__Task statement__: Go through the records, and copy each line in which the string "handrail" is present.

___ Available data

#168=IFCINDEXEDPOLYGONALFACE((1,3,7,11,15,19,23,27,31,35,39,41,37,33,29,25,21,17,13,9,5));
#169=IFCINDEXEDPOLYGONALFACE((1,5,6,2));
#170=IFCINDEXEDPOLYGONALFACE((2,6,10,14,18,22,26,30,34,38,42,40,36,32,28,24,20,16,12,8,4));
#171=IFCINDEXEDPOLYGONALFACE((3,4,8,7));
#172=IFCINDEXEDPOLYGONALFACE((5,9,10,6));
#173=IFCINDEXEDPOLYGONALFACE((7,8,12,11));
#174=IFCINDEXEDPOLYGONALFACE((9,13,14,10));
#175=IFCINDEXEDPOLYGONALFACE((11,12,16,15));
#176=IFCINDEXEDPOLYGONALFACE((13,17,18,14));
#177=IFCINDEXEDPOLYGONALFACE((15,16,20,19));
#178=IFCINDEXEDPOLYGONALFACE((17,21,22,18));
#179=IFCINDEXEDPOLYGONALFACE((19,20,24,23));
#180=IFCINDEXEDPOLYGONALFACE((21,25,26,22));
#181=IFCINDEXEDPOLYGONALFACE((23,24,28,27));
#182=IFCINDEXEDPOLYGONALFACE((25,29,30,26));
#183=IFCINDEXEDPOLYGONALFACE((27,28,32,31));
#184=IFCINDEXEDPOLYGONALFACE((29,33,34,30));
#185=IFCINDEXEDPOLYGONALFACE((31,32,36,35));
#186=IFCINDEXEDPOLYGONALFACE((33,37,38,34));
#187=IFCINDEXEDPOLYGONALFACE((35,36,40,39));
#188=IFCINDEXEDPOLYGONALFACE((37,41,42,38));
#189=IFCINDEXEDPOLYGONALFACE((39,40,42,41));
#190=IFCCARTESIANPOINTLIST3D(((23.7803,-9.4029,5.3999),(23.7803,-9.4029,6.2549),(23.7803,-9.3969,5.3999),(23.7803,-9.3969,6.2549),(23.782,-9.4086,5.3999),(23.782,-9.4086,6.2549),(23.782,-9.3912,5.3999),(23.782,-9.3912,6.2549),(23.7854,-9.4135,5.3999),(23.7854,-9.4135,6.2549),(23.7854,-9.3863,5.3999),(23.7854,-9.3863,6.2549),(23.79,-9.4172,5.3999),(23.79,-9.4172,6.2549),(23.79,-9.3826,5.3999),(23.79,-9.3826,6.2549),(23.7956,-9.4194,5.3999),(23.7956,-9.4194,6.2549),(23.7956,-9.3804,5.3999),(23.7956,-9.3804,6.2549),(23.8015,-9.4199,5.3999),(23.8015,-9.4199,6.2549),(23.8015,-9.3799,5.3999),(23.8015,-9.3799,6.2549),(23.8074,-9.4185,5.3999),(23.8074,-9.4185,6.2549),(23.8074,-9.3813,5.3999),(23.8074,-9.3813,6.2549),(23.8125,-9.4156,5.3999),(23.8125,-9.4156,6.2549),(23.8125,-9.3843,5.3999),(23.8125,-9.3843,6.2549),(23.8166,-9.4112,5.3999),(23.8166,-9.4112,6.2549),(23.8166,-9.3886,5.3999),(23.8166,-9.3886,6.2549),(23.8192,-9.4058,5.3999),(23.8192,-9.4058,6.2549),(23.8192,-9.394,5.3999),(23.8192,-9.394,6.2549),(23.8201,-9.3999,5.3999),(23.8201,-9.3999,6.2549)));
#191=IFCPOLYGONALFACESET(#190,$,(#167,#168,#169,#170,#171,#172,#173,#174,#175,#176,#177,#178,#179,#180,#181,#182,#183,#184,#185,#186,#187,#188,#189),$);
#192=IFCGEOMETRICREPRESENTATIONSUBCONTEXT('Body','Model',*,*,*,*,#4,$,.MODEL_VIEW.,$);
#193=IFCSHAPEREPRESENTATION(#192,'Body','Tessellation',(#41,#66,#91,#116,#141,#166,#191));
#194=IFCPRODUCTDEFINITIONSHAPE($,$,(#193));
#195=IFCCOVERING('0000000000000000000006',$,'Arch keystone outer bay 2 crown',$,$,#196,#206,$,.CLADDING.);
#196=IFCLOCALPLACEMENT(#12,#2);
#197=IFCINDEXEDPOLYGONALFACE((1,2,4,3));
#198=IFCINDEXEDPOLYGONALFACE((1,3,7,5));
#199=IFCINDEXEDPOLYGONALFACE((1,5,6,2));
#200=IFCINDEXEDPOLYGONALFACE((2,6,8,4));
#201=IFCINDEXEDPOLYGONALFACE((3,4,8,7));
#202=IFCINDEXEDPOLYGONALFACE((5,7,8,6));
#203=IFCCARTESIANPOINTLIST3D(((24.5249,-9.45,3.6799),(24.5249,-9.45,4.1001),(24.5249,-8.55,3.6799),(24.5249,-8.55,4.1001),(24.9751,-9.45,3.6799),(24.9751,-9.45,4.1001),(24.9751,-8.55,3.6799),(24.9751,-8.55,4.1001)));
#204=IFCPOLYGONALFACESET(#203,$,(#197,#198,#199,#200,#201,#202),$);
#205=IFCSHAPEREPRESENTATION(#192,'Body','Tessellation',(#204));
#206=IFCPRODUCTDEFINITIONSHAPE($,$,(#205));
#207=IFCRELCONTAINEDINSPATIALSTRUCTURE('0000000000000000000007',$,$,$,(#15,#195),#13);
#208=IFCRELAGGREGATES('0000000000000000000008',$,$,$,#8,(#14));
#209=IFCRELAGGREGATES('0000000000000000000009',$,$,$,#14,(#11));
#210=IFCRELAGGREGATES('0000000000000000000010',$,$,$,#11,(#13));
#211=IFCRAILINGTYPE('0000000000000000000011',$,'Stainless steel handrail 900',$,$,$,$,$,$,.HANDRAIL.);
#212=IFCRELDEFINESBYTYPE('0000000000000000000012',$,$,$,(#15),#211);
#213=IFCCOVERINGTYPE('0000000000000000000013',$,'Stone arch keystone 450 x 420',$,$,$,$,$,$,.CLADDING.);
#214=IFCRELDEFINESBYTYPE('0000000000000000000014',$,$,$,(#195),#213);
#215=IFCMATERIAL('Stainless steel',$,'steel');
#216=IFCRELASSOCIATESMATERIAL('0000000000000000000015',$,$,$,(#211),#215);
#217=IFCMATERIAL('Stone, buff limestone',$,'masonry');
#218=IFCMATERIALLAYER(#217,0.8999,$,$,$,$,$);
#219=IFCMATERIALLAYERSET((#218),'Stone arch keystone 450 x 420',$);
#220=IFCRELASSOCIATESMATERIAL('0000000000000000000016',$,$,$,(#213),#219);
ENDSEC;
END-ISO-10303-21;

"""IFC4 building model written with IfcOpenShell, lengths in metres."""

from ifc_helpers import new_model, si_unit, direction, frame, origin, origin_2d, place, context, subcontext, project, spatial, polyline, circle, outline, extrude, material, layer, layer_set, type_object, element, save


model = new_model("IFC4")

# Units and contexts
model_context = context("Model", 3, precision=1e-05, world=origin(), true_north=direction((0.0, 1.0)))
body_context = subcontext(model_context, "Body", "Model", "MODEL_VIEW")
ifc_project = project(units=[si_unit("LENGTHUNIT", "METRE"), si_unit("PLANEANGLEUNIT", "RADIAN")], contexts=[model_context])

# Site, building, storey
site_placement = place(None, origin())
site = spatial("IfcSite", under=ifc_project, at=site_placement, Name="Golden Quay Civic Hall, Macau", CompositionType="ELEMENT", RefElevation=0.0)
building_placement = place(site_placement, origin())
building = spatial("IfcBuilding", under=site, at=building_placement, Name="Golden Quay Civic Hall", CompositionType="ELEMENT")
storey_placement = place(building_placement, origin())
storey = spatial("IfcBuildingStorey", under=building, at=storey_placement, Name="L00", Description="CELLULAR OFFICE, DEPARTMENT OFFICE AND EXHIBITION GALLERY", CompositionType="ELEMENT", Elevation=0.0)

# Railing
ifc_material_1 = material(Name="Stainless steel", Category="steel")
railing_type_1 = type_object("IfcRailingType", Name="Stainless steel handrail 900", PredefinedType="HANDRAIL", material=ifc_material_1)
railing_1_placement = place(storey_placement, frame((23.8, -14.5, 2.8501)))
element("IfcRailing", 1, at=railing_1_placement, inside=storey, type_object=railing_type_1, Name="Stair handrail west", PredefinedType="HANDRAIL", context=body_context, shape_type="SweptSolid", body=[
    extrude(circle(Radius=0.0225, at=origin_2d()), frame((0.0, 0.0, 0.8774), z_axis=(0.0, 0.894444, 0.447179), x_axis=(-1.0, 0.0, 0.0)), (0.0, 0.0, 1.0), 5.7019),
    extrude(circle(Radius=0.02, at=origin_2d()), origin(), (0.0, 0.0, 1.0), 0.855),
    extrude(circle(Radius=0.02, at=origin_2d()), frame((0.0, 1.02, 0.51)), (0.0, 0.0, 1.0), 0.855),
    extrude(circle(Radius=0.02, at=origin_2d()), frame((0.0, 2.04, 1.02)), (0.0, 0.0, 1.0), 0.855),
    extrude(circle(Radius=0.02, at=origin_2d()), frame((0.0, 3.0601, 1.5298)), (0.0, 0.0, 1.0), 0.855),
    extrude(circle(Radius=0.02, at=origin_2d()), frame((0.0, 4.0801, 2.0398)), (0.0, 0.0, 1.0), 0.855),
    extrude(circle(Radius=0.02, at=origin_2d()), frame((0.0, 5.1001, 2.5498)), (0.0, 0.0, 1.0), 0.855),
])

______

__Exercise response__:
#211=IFCRAILINGTYPE('0000000000000000000011',$,'Stainless steel handrail 900',$,$,$,$,$,$,.HANDRAIL.);
railing_type_1 = type_object("IfcRailingType", Name="Stainless steel handrail 900", PredefinedType="HANDRAIL", material=ifc_material_1)
element("IfcRailing", 1, at=railing_1_placement, inside=storey, type_object=railing_type_1, Name="Stair handrail west", PredefinedType="HANDRAIL", context=body_context, shape_type="SweptSolid", body=[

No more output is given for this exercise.